[Records excerpted from a collection]
=== Begin Enclosure ===

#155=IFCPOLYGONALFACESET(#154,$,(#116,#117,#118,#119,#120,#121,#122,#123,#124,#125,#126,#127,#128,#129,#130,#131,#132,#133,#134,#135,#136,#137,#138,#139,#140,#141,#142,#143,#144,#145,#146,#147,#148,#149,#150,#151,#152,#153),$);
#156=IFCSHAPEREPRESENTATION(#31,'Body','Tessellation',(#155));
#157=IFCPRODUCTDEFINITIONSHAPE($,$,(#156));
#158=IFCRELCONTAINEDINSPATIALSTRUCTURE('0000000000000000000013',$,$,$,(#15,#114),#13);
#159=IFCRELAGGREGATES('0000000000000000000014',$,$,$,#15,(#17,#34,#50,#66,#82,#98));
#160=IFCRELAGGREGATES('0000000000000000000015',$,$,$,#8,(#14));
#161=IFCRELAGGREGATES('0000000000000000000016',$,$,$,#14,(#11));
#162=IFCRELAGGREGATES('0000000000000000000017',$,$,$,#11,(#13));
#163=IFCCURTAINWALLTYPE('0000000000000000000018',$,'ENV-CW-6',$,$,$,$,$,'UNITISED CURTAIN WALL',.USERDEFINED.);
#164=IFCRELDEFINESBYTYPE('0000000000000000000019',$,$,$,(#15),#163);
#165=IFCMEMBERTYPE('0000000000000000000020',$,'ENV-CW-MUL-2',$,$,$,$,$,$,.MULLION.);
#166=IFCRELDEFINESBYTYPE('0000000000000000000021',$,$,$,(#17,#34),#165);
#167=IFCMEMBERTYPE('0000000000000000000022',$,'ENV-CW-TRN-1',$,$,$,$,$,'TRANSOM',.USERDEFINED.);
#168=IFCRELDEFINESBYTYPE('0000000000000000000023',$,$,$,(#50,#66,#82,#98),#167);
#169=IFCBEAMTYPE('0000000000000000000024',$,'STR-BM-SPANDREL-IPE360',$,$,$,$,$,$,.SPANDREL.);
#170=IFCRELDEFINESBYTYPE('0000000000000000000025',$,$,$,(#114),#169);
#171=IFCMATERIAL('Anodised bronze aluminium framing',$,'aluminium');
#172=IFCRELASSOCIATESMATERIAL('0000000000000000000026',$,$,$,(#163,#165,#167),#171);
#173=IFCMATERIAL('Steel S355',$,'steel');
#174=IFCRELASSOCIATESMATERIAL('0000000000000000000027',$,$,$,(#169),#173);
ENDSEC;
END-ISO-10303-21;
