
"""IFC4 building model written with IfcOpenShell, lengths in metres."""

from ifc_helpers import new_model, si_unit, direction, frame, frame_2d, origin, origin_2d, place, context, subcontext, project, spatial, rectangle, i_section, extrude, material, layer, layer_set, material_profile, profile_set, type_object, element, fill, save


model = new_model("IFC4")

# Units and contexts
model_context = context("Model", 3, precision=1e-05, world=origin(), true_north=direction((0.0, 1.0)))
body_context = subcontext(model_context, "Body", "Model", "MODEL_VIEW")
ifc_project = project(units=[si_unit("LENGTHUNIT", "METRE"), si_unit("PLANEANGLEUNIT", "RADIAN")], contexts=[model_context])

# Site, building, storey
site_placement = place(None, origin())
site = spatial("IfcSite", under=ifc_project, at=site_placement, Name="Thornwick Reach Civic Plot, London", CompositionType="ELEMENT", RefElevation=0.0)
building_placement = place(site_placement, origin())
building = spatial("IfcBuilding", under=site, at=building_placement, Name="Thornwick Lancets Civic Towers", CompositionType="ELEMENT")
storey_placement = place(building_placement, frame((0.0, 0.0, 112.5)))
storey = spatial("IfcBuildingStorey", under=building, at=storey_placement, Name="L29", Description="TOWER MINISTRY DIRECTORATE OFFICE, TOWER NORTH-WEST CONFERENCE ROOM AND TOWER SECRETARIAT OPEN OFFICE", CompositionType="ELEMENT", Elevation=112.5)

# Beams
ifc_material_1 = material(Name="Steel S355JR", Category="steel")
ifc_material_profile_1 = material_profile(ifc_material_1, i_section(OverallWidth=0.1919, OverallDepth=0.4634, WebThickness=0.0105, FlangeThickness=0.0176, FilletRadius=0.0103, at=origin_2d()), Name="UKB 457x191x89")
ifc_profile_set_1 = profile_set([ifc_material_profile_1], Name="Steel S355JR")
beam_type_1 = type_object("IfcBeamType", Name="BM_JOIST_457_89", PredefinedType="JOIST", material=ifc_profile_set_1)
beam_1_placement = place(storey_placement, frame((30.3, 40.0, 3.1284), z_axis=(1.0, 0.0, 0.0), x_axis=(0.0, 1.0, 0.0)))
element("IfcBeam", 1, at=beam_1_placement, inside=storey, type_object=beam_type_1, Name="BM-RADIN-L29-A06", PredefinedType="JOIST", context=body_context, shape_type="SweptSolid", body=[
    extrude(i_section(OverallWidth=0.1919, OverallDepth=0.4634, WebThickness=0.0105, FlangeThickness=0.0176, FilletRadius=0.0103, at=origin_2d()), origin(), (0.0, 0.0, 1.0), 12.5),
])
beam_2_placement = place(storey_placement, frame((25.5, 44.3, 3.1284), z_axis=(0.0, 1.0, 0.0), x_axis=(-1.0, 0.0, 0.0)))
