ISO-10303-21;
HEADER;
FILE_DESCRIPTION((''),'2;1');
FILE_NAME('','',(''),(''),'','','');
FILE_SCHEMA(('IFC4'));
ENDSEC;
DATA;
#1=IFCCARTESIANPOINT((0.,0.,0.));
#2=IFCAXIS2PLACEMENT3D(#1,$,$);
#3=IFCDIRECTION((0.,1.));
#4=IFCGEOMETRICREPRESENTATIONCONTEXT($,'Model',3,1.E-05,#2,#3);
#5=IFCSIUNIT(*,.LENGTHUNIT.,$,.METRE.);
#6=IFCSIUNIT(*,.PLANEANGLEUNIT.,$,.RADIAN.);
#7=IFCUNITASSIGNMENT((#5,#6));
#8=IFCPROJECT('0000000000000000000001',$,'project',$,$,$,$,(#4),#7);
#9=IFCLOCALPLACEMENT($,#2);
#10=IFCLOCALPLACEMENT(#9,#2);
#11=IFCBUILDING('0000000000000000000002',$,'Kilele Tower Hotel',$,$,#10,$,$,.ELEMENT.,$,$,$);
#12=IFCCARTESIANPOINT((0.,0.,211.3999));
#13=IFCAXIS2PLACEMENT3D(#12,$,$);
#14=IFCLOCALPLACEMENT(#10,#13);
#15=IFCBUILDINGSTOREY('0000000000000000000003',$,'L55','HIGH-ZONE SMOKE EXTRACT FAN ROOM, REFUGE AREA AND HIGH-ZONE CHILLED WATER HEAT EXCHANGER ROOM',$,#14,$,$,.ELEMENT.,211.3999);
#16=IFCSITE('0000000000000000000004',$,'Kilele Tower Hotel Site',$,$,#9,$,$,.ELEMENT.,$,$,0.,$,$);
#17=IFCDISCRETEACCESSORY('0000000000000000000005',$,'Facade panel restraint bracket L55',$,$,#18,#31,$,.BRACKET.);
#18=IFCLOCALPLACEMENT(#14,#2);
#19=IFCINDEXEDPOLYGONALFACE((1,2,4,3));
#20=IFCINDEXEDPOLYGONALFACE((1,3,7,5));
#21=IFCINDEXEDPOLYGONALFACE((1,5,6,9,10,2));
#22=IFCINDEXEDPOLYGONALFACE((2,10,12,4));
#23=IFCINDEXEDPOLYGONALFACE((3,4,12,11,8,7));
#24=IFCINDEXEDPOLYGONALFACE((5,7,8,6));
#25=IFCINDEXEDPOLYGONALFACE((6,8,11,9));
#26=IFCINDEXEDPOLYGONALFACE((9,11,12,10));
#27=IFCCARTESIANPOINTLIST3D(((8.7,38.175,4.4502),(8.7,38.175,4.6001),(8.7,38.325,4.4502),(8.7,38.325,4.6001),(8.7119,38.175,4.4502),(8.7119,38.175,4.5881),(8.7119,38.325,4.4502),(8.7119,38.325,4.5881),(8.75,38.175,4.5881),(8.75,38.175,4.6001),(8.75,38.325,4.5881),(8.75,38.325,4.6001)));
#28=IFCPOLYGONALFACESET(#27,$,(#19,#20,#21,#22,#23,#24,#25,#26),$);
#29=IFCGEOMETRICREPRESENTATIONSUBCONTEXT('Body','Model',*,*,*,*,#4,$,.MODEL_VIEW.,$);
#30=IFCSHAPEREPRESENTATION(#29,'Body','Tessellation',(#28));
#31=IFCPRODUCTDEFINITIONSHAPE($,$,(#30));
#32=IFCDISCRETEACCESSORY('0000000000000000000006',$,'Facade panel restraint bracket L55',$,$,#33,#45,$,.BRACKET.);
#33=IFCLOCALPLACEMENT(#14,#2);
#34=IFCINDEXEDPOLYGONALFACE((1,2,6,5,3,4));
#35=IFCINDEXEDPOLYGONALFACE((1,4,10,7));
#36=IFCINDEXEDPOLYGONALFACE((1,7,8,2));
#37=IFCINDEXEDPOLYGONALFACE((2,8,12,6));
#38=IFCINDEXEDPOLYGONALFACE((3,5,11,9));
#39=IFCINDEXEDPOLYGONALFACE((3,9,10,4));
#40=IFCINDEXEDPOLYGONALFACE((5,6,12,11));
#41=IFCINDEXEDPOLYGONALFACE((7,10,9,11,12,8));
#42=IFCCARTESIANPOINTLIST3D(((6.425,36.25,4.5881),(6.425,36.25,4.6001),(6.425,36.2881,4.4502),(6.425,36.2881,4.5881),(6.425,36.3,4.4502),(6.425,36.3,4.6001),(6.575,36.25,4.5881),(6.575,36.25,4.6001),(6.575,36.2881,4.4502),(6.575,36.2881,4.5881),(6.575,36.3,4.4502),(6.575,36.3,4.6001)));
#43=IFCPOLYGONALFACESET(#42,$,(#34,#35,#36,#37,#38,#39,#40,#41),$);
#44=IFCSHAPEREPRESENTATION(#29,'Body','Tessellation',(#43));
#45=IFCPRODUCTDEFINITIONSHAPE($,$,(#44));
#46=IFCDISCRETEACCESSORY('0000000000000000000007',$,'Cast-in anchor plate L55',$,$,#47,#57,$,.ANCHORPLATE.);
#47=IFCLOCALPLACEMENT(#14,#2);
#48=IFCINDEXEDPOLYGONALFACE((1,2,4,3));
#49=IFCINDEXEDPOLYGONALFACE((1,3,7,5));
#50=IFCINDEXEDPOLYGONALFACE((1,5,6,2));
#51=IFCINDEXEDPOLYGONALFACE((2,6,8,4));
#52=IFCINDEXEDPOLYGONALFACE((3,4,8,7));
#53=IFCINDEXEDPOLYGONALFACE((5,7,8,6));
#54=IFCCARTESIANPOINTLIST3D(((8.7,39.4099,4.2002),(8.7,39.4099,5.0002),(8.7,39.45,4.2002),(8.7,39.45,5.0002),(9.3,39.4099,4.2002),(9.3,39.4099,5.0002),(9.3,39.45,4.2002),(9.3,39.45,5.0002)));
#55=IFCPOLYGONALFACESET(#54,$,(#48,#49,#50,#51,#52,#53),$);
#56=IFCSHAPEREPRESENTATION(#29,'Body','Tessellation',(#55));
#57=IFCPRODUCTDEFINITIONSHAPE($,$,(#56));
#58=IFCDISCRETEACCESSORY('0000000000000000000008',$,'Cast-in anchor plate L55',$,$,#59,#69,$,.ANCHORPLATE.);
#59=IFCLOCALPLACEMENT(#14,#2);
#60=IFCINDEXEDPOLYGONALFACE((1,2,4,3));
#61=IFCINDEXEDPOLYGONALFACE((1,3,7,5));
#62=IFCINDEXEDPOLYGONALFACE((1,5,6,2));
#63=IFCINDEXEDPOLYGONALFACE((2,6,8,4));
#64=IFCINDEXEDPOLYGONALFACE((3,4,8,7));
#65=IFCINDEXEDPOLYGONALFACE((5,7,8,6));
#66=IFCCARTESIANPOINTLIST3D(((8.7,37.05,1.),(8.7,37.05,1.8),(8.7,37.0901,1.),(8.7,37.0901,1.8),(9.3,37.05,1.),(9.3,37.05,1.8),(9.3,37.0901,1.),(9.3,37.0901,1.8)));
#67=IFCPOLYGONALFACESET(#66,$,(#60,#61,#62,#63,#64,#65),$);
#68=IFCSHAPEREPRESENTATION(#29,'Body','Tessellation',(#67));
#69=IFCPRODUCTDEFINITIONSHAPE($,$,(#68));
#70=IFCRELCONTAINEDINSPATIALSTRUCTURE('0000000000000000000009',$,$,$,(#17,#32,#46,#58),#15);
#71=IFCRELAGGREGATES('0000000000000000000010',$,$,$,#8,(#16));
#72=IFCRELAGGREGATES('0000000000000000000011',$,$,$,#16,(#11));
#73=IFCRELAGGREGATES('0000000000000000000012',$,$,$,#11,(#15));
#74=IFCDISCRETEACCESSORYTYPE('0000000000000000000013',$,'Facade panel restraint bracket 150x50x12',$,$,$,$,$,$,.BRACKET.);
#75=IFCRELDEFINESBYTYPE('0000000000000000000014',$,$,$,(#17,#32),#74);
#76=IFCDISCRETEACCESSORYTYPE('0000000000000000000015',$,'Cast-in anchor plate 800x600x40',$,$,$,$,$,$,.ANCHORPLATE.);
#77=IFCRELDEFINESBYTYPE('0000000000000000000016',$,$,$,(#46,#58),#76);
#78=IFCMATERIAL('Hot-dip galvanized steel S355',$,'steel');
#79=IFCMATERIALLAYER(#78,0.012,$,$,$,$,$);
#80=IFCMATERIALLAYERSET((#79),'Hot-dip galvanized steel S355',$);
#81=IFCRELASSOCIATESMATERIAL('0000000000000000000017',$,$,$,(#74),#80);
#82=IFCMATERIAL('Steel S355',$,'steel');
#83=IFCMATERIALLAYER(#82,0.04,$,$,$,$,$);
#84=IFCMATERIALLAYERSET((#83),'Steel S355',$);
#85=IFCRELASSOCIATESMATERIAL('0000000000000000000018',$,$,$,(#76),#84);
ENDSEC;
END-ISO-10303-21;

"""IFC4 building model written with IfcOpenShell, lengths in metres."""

from ifc_helpers import new_model, si_unit, direction, frame, origin, place, context, subcontext, project, spatial, polyline, outline, extrude, source, transform, mapped, material, layer, layer_set, type_object, element, save


model = new_model("IFC4")

# Units and contexts
model_context = context("Model", 3, precision=1e-05, world=origin(), true_north=direction((0.0, 1.0)))
body_context = subcontext(model_context, "Body", "Model", "MODEL_VIEW")
ifc_project = project(units=[si_unit("LENGTHUNIT", "METRE"), si_unit("PLANEANGLEUNIT", "RADIAN")], contexts=[model_context])

# Site, building, storey
site_placement = place(None, origin())
site = spatial("IfcSite", under=ifc_project, at=site_placement, Name="Kilele Tower Hotel Site", CompositionType="ELEMENT", RefElevation=0.0)
building_placement = place(site_placement, origin())
building = spatial("IfcBuilding", under=site, at=building_placement, Name="Kilele Tower Hotel", CompositionType="ELEMENT")
storey_placement = place(building_placement, frame((0.0, 0.0, 211.3999)))
storey = spatial("IfcBuildingStorey", under=building, at=storey_placement, Name="L55", Description="HIGH-ZONE SMOKE EXTRACT FAN ROOM, REFUGE AREA AND HIGH-ZONE CHILLED WATER HEAT EXCHANGER ROOM", CompositionType="ELEMENT", Elevation=211.3999)

# Discrete accessories
ifc_material_1 = material(Name="Hot-dip galvanized steel S355", Category="steel")
ifc_layer_1 = layer(ifc_material_1, 0.012)
ifc_layer_set_1 = layer_set([ifc_layer_1], Name="Hot-dip galvanized steel S355")
discrete_accessory_type_1 = type_object("IfcDiscreteAccessoryType", Name="Facade panel restraint bracket 150x50x12", PredefinedType="BRACKET", material=ifc_layer_set_1)
shared_shape_1 = source(origin(), body_context, "Body", "SweptSolid", [
    extrude(outline(polyline([(0.0, 0.0), (0.0, -0.1499), (-0.012, -0.1499), (-0.012, -0.012), (-0.05, -0.012), (-0.05, 0.0), (0.0, 0.0)])), origin(), (0.0, 0.0, 1.0), 0.1499),
])
for number, where, z_axis, x_axis, name in (
    (1, (8.7, 38.175, 4.6001), (0.0, 1.0, 0.0), (-1.0, 0.0, 0.0), "Facade panel restraint bracket L55"),
    (2, (6.425, 36.3, 4.6001), (1.0, 0.0, 0.0), (0.0, 1.0, 0.0), "Facade panel restraint bracket L55"),
):
    element("IfcDiscreteAccessory", number, at=place(storey_placement, frame(where, z_axis=z_axis, x_axis=x_axis)), inside=storey, type_object=discrete_accessory_type_1, Name=name, PredefinedType="BRACKET", context=body_context, shape_type="MappedRepresentation", body=[
        mapped(shared_shape_1, transform((0.0, 0.0, 0.0))),
    ])
ifc_material_2 = material(Name="Steel S355", Category="steel")
ifc_layer_2 = layer(ifc_material_2, 0.04)
ifc_layer_set_2 = layer_set([ifc_layer_2], Name="Steel S355")
discrete_accessory_type_2 = type_object("IfcDiscreteAccessoryType", Name="Cast-in anchor plate 800x600x40", PredefinedType="ANCHORPLATE", material=ifc_layer_set_2)
shared_shape_2 = source(origin(), body_context, "Body", "SweptSolid", [
    extrude(outline(polyline([(0.0, 0.0), (0.04, 0.0), (0.04, 0.8), (0.0, 0.8), (0.0, 0.0)])), origin(), (0.0, 0.0, 1.0), 0.6001),
])
for number, where, z_axis, x_axis, name in (
    (3, (9.3, 39.45, 4.2002), (-1.0, 0.0, 0.0), (0.0, -1.0, 0.0), "Cast-in anchor plate L55"),
    (4, (8.7, 37.05, 1.0), (1.0, 0.0, 0.0), (0.0, 1.0, 0.0), "Cast-in anchor plate L55"),
):
    element("IfcDiscreteAccessory", number, at=place(storey_placement, frame(where, z_axis=z_axis, x_axis=x_axis)), inside=storey, type_object=discrete_accessory_type_2, Name=name, PredefinedType="ANCHORPLATE", context=body_context, shape_type="MappedRepresentation", body=[
        mapped(shared_shape_2, transform((0.0, 0.0, 0.0))),
    ])

save(model, "model.ifc")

=== End Enclosure ===

> _TASK TO COMPLETE_:
The required answer is the exact run of lines above starting at the line with "x_axis=(-1.0, 0.0, 0.0)))" and ending at the line with "HEAT EXCHANGER ROOM',$,#14,$,$,.ELEMENT.,211.3999);", with both ends present.

> _EXERCISE RESULT_:
beam_2_placement = place(storey_placement, frame((25.5, 44.3, 3.1284), z_axis=(0.0, 1.0, 0.0), x_axis=(-1.0, 0.0, 0.0)))
ISO-10303-21;
HEADER;
FILE_DESCRIPTION((''),'2;1');
FILE_NAME('','',(''),(''),'','','');
FILE_SCHEMA(('IFC4'));
ENDSEC;
DATA;
#1=IFCCARTESIANPOINT((0.,0.,0.));
#2=IFCAXIS2PLACEMENT3D(#1,$,$);
#3=IFCDIRECTION((0.,1.));
#4=IFCGEOMETRICREPRESENTATIONCONTEXT($,'Model',3,1.E-05,#2,#3);
#5=IFCSIUNIT(*,.LENGTHUNIT.,$,.METRE.);
#6=IFCSIUNIT(*,.PLANEANGLEUNIT.,$,.RADIAN.);
#7=IFCUNITASSIGNMENT((#5,#6));
#8=IFCPROJECT('0000000000000000000001',$,'project',$,$,$,$,(#4),#7);
#9=IFCLOCALPLACEMENT($,#2);
#10=IFCLOCALPLACEMENT(#9,#2);
#11=IFCBUILDING('0000000000000000000002',$,'Kilele Tower Hotel',$,$,#10,$,$,.ELEMENT.,$,$,$);
#12=IFCCARTESIANPOINT((0.,0.,211.3999));
#13=IFCAXIS2PLACEMENT3D(#12,$,$);
#14=IFCLOCALPLACEMENT(#10,#13);
#15=IFCBUILDINGSTOREY('0000000000000000000003',$,'L55','HIGH-ZONE SMOKE EXTRACT FAN ROOM, REFUGE AREA AND HIGH-ZONE CHILLED WATER HEAT EXCHANGER ROOM',$,#14,$,$,.ELEMENT.,211.3999);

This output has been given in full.